Problem to work on :: Only the lines below between the ones containing "#198=IFCRELAGGREGATES('0000000000000000000007',$,$,$,#8,(#16));" and "frame((0.0, 0.0, 23.5)))", inclusive, are to be reproduced, each exactly as it stands.

Extracted data entries
···

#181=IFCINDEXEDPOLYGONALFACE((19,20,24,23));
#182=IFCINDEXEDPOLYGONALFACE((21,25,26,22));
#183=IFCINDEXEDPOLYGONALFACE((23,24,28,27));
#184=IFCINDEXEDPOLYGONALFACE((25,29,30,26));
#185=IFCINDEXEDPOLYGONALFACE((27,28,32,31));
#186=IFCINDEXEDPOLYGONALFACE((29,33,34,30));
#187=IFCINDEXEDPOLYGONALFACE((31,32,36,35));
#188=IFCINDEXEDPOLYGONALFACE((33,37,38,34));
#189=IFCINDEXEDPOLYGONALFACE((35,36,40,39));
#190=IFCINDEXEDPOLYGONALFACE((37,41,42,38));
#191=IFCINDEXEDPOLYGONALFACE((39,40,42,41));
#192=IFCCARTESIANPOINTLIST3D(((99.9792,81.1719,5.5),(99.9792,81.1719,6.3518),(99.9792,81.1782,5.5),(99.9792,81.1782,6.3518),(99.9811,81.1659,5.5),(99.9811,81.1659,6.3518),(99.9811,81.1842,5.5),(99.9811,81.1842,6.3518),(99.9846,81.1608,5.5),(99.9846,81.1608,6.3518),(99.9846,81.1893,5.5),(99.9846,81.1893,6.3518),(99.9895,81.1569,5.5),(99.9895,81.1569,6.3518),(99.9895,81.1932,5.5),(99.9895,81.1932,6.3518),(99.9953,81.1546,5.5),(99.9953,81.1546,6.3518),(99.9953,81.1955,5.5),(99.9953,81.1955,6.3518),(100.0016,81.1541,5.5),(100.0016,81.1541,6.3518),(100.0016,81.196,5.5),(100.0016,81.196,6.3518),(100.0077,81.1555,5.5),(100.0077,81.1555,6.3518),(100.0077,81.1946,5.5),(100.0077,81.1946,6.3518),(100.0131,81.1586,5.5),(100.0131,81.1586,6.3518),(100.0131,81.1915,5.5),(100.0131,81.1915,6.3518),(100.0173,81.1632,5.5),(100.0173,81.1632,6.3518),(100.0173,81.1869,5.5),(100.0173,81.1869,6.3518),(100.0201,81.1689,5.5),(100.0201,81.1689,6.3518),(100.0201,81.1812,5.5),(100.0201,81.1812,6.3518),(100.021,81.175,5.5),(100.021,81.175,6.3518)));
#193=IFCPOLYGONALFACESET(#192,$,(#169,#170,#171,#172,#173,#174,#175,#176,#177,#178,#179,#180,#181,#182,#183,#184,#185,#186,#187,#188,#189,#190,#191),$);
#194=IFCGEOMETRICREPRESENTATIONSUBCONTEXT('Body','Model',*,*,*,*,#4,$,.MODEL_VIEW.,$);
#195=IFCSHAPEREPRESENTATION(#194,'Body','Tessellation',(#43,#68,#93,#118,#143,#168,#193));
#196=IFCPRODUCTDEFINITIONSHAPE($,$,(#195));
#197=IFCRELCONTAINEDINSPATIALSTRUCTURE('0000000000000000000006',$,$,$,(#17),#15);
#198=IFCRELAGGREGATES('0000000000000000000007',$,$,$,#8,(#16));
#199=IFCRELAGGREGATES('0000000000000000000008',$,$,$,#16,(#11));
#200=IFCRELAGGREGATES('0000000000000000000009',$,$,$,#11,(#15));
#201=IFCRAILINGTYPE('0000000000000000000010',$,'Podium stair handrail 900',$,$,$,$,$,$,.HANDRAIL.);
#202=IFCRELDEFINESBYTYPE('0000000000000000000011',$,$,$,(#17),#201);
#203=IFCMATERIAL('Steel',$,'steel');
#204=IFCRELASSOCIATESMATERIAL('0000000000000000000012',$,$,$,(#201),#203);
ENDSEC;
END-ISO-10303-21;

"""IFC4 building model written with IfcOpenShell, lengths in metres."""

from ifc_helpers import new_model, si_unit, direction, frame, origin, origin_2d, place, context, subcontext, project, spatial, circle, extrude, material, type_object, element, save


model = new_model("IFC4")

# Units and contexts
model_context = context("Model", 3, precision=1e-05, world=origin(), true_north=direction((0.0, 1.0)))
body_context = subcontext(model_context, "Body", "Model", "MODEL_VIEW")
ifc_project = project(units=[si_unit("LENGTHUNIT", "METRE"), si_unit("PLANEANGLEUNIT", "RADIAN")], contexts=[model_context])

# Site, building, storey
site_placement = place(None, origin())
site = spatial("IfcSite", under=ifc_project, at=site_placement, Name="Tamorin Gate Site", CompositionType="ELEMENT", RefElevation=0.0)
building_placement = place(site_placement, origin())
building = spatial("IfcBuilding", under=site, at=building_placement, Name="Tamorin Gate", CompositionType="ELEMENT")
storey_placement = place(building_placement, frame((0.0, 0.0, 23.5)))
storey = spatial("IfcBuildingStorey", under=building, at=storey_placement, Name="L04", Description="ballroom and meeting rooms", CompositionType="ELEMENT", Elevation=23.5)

···

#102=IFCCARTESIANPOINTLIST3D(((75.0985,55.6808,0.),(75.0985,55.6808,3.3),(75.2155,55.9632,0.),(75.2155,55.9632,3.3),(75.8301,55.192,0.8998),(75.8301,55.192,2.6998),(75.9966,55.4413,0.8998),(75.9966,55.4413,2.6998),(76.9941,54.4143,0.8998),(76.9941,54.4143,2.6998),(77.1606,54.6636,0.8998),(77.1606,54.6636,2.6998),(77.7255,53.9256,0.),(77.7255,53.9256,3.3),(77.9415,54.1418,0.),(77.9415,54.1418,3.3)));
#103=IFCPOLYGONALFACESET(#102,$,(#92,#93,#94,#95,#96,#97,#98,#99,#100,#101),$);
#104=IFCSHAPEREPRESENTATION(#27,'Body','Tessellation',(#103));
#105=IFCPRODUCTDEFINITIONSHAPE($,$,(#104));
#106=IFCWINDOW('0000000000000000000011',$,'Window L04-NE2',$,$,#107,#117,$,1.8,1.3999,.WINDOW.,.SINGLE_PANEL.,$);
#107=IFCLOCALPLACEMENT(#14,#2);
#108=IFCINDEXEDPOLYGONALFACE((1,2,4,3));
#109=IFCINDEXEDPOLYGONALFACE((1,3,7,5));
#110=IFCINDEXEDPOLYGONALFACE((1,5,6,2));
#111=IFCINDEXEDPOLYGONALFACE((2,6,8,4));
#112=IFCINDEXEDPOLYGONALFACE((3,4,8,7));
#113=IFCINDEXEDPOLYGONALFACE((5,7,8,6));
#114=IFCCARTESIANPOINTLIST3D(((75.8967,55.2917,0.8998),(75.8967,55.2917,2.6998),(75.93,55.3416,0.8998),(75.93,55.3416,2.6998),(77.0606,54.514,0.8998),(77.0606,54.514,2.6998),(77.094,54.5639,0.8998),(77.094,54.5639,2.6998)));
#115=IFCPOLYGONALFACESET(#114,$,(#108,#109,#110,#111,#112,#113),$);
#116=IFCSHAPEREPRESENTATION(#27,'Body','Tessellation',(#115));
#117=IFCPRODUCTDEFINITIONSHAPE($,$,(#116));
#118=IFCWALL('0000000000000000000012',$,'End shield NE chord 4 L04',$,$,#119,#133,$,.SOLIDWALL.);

···

Exercise answer ::
#198=IFCRELAGGREGATES('0000000000000000000007',$,$,$,#8,(#16));
#199=IFCRELAGGREGATES('0000000000000000000008',$,$,$,#16,(#11));
#200=IFCRELAGGREGATES('0000000000000000000009',$,$,$,#11,(#15));
#201=IFCRAILINGTYPE('0000000000000000000010',$,'Podium stair handrail 900',$,$,$,$,$,$,.HANDRAIL.);
#202=IFCRELDEFINESBYTYPE('0000000000000000000011',$,$,$,(#17),#201);
#203=IFCMATERIAL('Steel',$,'steel');
#204=IFCRELASSOCIATESMATERIAL('0000000000000000000012',$,$,$,(#201),#203);
ENDSEC;
END-ISO-10303-21;

"""IFC4 building model written with IfcOpenShell, lengths in metres."""

from ifc_helpers import new_model, si_unit, direction, frame, origin, origin_2d, place, context, subcontext, project, spatial, circle, extrude, material, type_object, element, save


model = new_model("IFC4")

# Units and contexts
model_context = context("Model", 3, precision=1e-05, world=origin(), true_north=direction((0.0, 1.0)))
body_context = subcontext(model_context, "Body", "Model", "MODEL_VIEW")
ifc_project = project(units=[si_unit("LENGTHUNIT", "METRE"), si_unit("PLANEANGLEUNIT", "RADIAN")], contexts=[model_context])

# Site, building, storey
site_placement = place(None, origin())
site = spatial("IfcSite", under=ifc_project, at=site_placement, Name="Tamorin Gate Site", CompositionType="ELEMENT", RefElevation=0.0)
building_placement = place(site_placement, origin())
building = spatial("IfcBuilding", under=site, at=building_placement, Name="Tamorin Gate", CompositionType="ELEMENT")
storey_placement = place(building_placement, frame((0.0, 0.0, 23.5)))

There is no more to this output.